The required output is the lines below from the line containing "#157=IFCINDEXEDPOLYGONALFACE((5,7,8,6));" to the line containing "#173=IFCPRODUCTDEFINITIONSHAPE($,$,(#172));", inclusive, retyped exactly. No other lines belong in it.

»»

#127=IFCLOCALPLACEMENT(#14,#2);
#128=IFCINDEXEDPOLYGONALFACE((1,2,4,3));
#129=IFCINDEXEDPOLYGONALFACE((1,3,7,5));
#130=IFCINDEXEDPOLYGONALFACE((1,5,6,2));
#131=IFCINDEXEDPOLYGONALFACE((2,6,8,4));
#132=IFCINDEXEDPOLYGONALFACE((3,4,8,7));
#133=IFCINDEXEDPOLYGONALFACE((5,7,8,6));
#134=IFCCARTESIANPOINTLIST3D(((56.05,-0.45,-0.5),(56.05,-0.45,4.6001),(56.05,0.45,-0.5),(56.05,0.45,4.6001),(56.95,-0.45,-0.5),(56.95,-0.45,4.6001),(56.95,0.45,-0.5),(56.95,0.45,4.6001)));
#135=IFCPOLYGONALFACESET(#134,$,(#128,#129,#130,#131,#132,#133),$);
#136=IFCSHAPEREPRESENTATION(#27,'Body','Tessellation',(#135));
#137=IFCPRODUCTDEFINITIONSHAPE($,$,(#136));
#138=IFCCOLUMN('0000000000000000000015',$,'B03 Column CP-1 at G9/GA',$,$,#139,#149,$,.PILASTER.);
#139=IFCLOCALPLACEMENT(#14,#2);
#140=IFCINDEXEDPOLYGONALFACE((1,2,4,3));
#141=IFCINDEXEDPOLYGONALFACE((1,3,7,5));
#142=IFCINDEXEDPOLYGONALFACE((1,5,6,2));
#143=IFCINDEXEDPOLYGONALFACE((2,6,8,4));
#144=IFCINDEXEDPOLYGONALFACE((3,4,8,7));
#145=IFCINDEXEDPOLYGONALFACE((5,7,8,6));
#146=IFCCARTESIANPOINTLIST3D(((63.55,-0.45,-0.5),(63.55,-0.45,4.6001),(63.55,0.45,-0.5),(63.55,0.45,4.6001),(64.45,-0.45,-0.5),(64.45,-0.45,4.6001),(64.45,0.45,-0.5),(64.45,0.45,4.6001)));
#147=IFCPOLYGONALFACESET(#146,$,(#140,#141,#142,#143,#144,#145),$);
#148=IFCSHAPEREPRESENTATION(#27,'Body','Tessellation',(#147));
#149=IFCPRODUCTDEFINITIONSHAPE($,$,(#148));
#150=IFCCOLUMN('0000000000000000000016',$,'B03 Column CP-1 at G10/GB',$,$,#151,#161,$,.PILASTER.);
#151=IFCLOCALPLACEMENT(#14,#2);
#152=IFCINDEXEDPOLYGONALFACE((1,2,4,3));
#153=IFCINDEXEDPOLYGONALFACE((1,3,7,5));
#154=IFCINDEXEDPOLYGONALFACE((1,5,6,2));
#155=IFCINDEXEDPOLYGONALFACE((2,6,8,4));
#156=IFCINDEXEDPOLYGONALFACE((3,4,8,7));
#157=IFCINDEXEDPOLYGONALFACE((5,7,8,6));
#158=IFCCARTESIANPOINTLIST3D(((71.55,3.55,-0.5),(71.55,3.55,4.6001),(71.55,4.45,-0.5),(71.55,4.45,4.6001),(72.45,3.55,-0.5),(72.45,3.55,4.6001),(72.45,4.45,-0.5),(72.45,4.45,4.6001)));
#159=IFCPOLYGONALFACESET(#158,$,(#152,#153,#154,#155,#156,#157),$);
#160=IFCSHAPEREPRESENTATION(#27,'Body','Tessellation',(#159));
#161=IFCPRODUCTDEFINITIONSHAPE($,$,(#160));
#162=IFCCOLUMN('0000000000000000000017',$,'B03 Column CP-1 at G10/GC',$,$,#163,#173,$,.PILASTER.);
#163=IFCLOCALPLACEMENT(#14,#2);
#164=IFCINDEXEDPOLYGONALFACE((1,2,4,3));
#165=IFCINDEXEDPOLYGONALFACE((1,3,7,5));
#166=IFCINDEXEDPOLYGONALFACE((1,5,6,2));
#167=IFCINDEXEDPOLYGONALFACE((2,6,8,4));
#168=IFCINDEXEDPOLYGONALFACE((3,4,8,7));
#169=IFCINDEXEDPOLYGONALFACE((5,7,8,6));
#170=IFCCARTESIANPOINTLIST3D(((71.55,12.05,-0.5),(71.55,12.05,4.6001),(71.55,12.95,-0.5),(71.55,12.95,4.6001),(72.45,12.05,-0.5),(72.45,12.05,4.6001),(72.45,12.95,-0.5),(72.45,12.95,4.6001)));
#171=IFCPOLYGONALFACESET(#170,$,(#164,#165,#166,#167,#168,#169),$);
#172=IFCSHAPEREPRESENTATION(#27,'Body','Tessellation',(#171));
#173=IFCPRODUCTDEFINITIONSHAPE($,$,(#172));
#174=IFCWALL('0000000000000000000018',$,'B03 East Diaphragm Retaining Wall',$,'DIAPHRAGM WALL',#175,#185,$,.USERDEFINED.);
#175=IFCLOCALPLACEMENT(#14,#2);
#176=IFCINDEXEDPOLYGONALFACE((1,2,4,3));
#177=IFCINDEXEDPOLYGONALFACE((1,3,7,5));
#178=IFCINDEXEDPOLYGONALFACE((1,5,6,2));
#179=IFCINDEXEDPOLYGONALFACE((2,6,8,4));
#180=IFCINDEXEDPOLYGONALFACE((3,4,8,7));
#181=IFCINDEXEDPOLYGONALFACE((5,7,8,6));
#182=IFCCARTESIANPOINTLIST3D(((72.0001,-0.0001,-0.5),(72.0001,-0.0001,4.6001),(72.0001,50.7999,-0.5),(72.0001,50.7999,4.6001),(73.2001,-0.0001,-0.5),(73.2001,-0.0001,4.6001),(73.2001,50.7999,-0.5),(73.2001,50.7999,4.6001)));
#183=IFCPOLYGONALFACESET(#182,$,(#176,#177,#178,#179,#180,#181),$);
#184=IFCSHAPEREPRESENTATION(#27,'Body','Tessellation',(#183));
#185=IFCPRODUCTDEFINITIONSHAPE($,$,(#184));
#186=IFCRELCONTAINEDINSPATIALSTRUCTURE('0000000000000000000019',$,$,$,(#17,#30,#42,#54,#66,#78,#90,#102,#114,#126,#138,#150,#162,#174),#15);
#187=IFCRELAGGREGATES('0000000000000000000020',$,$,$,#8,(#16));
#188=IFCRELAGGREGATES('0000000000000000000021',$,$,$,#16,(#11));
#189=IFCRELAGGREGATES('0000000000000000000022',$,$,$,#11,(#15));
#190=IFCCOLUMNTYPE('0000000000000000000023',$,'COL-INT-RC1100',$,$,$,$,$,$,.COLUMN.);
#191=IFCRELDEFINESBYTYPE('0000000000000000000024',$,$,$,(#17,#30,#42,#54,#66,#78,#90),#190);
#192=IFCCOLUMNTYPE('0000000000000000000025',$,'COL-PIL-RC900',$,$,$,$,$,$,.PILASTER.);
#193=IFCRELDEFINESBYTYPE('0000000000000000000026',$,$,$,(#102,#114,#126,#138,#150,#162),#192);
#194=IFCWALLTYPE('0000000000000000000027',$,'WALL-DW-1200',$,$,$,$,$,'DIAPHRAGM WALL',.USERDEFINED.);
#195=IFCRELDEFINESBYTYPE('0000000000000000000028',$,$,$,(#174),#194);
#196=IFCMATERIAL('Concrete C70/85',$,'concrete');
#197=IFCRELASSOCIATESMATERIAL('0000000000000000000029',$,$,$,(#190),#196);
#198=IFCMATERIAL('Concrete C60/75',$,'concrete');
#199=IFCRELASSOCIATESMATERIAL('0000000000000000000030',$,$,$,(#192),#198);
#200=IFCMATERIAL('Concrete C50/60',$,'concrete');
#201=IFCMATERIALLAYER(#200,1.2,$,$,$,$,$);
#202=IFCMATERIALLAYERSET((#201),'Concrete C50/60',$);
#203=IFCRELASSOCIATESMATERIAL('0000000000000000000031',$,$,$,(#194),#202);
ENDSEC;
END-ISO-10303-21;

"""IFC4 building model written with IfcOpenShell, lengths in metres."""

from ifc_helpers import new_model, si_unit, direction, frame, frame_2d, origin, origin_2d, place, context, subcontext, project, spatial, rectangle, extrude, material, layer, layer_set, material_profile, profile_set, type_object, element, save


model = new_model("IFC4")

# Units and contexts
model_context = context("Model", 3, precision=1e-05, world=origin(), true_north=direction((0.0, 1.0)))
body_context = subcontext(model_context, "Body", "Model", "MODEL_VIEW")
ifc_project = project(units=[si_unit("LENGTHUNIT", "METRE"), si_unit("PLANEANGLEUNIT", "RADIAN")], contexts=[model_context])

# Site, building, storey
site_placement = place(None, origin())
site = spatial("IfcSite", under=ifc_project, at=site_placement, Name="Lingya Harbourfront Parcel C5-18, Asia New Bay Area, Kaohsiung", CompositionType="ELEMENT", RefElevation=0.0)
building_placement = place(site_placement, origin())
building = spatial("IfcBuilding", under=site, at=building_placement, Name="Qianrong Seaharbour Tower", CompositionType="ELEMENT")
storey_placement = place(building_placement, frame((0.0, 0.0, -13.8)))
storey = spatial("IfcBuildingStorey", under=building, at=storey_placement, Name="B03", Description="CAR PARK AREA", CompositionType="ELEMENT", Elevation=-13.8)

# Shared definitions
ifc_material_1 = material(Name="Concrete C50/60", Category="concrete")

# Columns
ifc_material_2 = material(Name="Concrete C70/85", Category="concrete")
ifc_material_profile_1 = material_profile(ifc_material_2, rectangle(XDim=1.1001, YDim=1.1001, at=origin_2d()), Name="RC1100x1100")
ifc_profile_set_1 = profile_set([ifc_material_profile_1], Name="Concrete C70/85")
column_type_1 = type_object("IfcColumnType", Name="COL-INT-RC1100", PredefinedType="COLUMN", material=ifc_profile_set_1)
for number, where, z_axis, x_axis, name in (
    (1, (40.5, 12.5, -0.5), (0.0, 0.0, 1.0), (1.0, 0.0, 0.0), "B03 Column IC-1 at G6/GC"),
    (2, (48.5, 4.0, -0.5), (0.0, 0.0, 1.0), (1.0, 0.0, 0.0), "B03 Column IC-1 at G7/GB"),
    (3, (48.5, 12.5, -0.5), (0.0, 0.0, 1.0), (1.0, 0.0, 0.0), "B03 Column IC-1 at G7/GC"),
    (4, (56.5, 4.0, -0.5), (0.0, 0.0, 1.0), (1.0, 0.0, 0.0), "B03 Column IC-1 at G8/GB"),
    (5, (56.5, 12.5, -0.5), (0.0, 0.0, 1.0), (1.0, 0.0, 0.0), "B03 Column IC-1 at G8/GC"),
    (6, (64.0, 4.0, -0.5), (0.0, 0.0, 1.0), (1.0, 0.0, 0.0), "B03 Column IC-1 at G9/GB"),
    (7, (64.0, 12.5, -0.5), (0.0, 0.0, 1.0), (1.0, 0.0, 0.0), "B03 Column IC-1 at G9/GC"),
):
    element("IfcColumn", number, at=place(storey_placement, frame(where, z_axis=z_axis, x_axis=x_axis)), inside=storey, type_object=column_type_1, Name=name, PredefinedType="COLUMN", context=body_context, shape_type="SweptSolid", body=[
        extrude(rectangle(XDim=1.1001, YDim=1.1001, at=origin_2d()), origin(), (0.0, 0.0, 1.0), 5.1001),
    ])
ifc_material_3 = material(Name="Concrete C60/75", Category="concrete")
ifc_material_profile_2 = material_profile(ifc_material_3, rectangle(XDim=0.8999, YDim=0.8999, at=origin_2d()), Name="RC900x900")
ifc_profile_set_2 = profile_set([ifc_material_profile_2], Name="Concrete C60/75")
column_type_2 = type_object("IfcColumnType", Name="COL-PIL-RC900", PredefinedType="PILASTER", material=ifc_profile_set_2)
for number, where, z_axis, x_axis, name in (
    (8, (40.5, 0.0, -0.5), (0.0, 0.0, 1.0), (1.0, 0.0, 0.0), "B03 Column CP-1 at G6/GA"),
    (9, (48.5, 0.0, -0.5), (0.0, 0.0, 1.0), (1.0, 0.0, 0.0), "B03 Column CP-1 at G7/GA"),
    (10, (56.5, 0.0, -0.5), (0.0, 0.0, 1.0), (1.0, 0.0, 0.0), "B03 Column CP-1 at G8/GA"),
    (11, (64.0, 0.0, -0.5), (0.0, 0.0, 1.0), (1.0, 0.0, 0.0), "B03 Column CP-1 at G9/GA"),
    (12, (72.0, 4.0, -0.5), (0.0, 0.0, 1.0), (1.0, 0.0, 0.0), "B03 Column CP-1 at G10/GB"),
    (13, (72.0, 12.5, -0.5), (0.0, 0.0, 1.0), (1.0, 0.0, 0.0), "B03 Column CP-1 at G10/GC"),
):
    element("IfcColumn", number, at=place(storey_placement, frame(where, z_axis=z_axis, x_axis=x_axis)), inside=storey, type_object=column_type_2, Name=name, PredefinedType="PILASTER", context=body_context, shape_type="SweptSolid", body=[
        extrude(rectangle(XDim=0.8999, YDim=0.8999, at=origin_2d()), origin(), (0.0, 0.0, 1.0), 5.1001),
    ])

««

• [Answer section]
#157=IFCINDEXEDPOLYGONALFACE((5,7,8,6));
#158=IFCCARTESIANPOINTLIST3D(((71.55,3.55,-0.5),(71.55,3.55,4.6001),(71.55,4.45,-0.5),(71.55,4.45,4.6001),(72.45,3.55,-0.5),(72.45,3.55,4.6001),(72.45,4.45,-0.5),(72.45,4.45,4.6001)));
#159=IFCPOLYGONALFACESET(#158,$,(#152,#153,#154,#155,#156,#157),$);
#160=IFCSHAPEREPRESENTATION(#27,'Body','Tessellation',(#159));
#161=IFCPRODUCTDEFINITIONSHAPE($,$,(#160));
#162=IFCCOLUMN('0000000000000000000017',$,'B03 Column CP-1 at G10/GC',$,$,#163,#173,$,.PILASTER.);
#163=IFCLOCALPLACEMENT(#14,#2);
#164=IFCINDEXEDPOLYGONALFACE((1,2,4,3));
#165=IFCINDEXEDPOLYGONALFACE((1,3,7,5));
#166=IFCINDEXEDPOLYGONALFACE((1,5,6,2));
#167=IFCINDEXEDPOLYGONALFACE((2,6,8,4));
#168=IFCINDEXEDPOLYGONALFACE((3,4,8,7));
#169=IFCINDEXEDPOLYGONALFACE((5,7,8,6));
#170=IFCCARTESIANPOINTLIST3D(((71.55,12.05,-0.5),(71.55,12.05,4.6001),(71.55,12.95,-0.5),(71.55,12.95,4.6001),(72.45,12.05,-0.5),(72.45,12.05,4.6001),(72.45,12.95,-0.5),(72.45,12.95,4.6001)));
#171=IFCPOLYGONALFACESET(#170,$,(#164,#165,#166,#167,#168,#169),$);
#172=IFCSHAPEREPRESENTATION(#27,'Body','Tessellation',(#171));
#173=IFCPRODUCTDEFINITIONSHAPE($,$,(#172));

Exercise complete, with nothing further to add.